> Record excerpts:
+++
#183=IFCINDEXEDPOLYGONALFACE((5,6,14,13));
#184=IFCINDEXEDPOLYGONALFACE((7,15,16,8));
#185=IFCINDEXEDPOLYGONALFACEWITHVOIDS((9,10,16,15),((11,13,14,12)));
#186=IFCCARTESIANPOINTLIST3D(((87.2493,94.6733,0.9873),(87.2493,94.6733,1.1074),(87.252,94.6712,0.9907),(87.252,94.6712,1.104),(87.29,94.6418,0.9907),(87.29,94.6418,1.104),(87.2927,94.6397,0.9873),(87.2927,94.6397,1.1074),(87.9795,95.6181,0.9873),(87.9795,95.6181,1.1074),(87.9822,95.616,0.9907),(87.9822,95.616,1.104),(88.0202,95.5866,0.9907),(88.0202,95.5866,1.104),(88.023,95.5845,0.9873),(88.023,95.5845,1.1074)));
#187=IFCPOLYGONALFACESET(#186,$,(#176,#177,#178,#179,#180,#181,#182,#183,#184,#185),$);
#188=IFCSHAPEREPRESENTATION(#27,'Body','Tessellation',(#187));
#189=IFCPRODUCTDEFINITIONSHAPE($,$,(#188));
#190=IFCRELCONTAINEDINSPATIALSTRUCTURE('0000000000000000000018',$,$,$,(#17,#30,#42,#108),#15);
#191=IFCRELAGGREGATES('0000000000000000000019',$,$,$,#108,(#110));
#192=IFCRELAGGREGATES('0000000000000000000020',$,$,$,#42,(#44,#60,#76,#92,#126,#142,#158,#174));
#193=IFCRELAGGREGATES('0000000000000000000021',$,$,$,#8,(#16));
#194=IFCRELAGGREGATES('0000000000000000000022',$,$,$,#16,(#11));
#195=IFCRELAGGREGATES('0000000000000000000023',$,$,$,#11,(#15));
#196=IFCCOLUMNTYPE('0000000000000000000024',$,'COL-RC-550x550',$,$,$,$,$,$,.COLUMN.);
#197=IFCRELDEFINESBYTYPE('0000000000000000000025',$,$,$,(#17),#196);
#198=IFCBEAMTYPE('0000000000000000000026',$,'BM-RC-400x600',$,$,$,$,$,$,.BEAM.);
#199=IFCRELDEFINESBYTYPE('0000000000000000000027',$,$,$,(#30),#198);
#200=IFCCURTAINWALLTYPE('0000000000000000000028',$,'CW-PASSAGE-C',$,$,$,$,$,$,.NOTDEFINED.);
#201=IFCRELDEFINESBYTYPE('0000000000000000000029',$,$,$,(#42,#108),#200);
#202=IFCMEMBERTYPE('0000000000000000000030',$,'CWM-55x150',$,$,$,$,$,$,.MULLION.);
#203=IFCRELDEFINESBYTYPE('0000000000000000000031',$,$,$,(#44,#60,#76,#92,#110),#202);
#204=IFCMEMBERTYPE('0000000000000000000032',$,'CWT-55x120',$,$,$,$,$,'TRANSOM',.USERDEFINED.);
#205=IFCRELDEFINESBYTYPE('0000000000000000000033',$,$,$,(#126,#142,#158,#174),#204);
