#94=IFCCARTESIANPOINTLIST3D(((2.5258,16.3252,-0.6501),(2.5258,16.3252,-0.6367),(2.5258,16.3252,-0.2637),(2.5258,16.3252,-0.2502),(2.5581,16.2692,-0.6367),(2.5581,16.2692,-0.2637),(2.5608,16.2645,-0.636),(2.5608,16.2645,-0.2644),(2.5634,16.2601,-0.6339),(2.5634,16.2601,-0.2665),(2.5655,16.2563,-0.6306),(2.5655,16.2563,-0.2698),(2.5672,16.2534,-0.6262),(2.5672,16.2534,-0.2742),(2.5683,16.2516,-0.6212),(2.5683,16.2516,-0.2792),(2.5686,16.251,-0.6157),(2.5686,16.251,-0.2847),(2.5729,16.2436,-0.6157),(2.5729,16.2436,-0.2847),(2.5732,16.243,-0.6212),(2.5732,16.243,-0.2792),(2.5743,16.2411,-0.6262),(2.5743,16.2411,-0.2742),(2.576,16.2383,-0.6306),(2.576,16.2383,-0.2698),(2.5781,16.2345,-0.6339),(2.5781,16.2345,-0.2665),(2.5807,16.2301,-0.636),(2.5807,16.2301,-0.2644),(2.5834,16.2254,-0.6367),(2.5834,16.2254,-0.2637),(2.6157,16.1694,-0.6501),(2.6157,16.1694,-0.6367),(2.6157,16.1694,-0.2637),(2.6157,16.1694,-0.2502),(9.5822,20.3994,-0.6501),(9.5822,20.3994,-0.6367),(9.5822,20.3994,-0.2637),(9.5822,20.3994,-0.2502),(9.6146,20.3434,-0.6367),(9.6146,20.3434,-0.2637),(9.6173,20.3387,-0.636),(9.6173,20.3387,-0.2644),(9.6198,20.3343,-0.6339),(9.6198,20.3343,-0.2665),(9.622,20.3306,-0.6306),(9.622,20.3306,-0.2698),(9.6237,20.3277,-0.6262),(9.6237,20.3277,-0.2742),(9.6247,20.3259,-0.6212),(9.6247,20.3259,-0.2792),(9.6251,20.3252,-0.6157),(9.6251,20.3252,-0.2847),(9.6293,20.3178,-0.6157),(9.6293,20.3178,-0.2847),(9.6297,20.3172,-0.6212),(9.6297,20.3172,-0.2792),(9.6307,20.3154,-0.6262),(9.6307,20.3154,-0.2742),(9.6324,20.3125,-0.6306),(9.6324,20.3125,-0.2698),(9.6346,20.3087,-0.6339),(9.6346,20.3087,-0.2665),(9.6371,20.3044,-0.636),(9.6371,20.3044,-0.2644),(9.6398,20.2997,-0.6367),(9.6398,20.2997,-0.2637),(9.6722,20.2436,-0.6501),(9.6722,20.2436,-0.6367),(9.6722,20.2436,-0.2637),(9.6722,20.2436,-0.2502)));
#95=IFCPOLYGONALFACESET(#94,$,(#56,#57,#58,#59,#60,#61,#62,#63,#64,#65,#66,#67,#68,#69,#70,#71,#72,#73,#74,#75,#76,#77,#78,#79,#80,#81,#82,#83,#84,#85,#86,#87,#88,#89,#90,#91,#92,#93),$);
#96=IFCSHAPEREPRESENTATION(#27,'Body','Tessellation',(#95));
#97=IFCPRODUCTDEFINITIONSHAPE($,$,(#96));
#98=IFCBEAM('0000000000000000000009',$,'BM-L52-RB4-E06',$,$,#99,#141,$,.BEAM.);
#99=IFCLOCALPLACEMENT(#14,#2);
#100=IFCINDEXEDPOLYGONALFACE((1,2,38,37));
+++
> Problem: Reproduce the data above in full, keeping it exactly the same.

> Solved exercise:
#183=IFCINDEXEDPOLYGONALFACE((5,6,14,13));
#184=IFCINDEXEDPOLYGONALFACE((7,15,16,8));
#185=IFCINDEXEDPOLYGONALFACEWITHVOIDS((9,10,16,15),((11,13,14,12)));
#186=IFCCARTESIANPOINTLIST3D(((87.2493,94.6733,0.9873),(87.2493,94.6733,1.1074),(87.252,94.6712,0.9907),(87.252,94.6712,1.104),(87.29,94.6418,0.9907),(87.29,94.6418,1.104),(87.2927,94.6397,0.9873),(87.2927,94.6397,1.1074),(87.9795,95.6181,0.9873),(87.9795,95.6181,1.1074),(87.9822,95.616,0.9907),(87.9822,95.616,1.104),(88.0202,95.5866,0.9907),(88.0202,95.5866,1.104),(88.023,95.5845,0.9873),(88.023,95.5845,1.1074)));
#187=IFCPOLYGONALFACESET(#186,$,(#176,#177,#178,#179,#180,#181,#182,#183,#184,#185),$);
#188=IFCSHAPEREPRESENTATION(#27,'Body','Tessellation',(#187));
#189=IFCPRODUCTDEFINITIONSHAPE($,$,(#188));
#190=IFCRELCONTAINEDINSPATIALSTRUCTURE('0000000000000000000018',$,$,$,(#17,#30,#42,#108),#15);
#191=IFCRELAGGREGATES('0000000000000000000019',$,$,$,#108,(#110));
#192=IFCRELAGGREGATES('0000000000000000000020',$,$,$,#42,(#44,#60,#76,#92,#126,#142,#158,#174));
#193=IFCRELAGGREGATES('0000000000000000000021',$,$,$,#8,(#16));
#194=IFCRELAGGREGATES('0000000000000000000022',$,$,$,#16,(#11));
#195=IFCRELAGGREGATES('0000000000000000000023',$,$,$,#11,(#15));
#196=IFCCOLUMNTYPE('0000000000000000000024',$,'COL-RC-550x550',$,$,$,$,$,$,.COLUMN.);
#197=IFCRELDEFINESBYTYPE('0000000000000000000025',$,$,$,(#17),#196);
#198=IFCBEAMTYPE('0000000000000000000026',$,'BM-RC-400x600',$,$,$,$,$,$,.BEAM.);
#199=IFCRELDEFINESBYTYPE('0000000000000000000027',$,$,$,(#30),#198);
#200=IFCCURTAINWALLTYPE('0000000000000000000028',$,'CW-PASSAGE-C',$,$,$,$,$,$,.NOTDEFINED.);
#201=IFCRELDEFINESBYTYPE('0000000000000000000029',$,$,$,(#42,#108),#200);
#202=IFCMEMBERTYPE('0000000000000000000030',$,'CWM-55x150',$,$,$,$,$,$,.MULLION.);
#203=IFCRELDEFINESBYTYPE('0000000000000000000031',$,$,$,(#44,#60,#76,#92,#110),#202);
#204=IFCMEMBERTYPE('0000000000000000000032',$,'CWT-55x120',$,$,$,$,$,'TRANSOM',.USERDEFINED.);
#205=IFCRELDEFINESBYTYPE('0000000000000000000033',$,$,$,(#126,#142,#158,#174),#204);
#94=IFCCARTESIANPOINTLIST3D(((2.5258,16.3252,-0.6501),(2.5258,16.3252,-0.6367),(2.5258,16.3252,-0.2637),(2.5258,16.3252,-0.2502),(2.5581,16.2692,-0.6367),(2.5581,16.2692,-0.2637),(2.5608,16.2645,-0.636),(2.5608,16.2645,-0.2644),(2.5634,16.2601,-0.6339),(2.5634,16.2601,-0.2665),(2.5655,16.2563,-0.6306),(2.5655,16.2563,-0.2698),(2.5672,16.2534,-0.6262),(2.5672,16.2534,-0.2742),(2.5683,16.2516,-0.6212),(2.5683,16.2516,-0.2792),(2.5686,16.251,-0.6157),(2.5686,16.251,-0.2847),(2.5729,16.2436,-0.6157),(2.5729,16.2436,-0.2847),(2.5732,16.243,-0.6212),(2.5732,16.243,-0.2792),(2.5743,16.2411,-0.6262),(2.5743,16.2411,-0.2742),(2.576,16.2383,-0.6306),(2.576,16.2383,-0.2698),(2.5781,16.2345,-0.6339),(2.5781,16.2345,-0.2665),(2.5807,16.2301,-0.636),(2.5807,16.2301,-0.2644),(2.5834,16.2254,-0.6367),(2.5834,16.2254,-0.2637),(2.6157,16.1694,-0.6501),(2.6157,16.1694,-0.6367),(2.6157,16.1694,-0.2637),(2.6157,16.1694,-0.2502),(9.5822,20.3994,-0.6501),(9.5822,20.3994,-0.6367),(9.5822,20.3994,-0.2637),(9.5822,20.3994,-0.2502),(9.6146,20.3434,-0.6367),(9.6146,20.3434,-0.2637),(9.6173,20.3387,-0.636),(9.6173,20.3387,-0.2644),(9.6198,20.3343,-0.6339),(9.6198,20.3343,-0.2665),(9.622,20.3306,-0.6306),(9.622,20.3306,-0.2698),(9.6237,20.3277,-0.6262),(9.6237,20.3277,-0.2742),(9.6247,20.3259,-0.6212),(9.6247,20.3259,-0.2792),(9.6251,20.3252,-0.6157),(9.6251,20.3252,-0.2847),(9.6293,20.3178,-0.6157),(9.6293,20.3178,-0.2847),(9.6297,20.3172,-0.6212),(9.6297,20.3172,-0.2792),(9.6307,20.3154,-0.6262),(9.6307,20.3154,-0.2742),(9.6324,20.3125,-0.6306),(9.6324,20.3125,-0.2698),(9.6346,20.3087,-0.6339),(9.6346,20.3087,-0.2665),(9.6371,20.3044,-0.636),(9.6371,20.3044,-0.2644),(9.6398,20.2997,-0.6367),(9.6398,20.2997,-0.2637),(9.6722,20.2436,-0.6501),(9.6722,20.2436,-0.6367),(9.6722,20.2436,-0.2637),(9.6722,20.2436,-0.2502)));
#95=IFCPOLYGONALFACESET(#94,$,(#56,#57,#58,#59,#60,#61,#62,#63,#64,#65,#66,#67,#68,#69,#70,#71,#72,#73,#74,#75,#76,#77,#78,#79,#80,#81,#82,#83,#84,#85,#86,#87,#88,#89,#90,#91,#92,#93),$);
#96=IFCSHAPEREPRESENTATION(#27,'Body','Tessellation',(#95));
#97=IFCPRODUCTDEFINITIONSHAPE($,$,(#96));
#98=IFCBEAM('0000000000000000000009',$,'BM-L52-RB4-E06',$,$,#99,#141,$,.BEAM.);
#99=IFCLOCALPLACEMENT(#14,#2);
#100=IFCINDEXEDPOLYGONALFACE((1,2,38,37));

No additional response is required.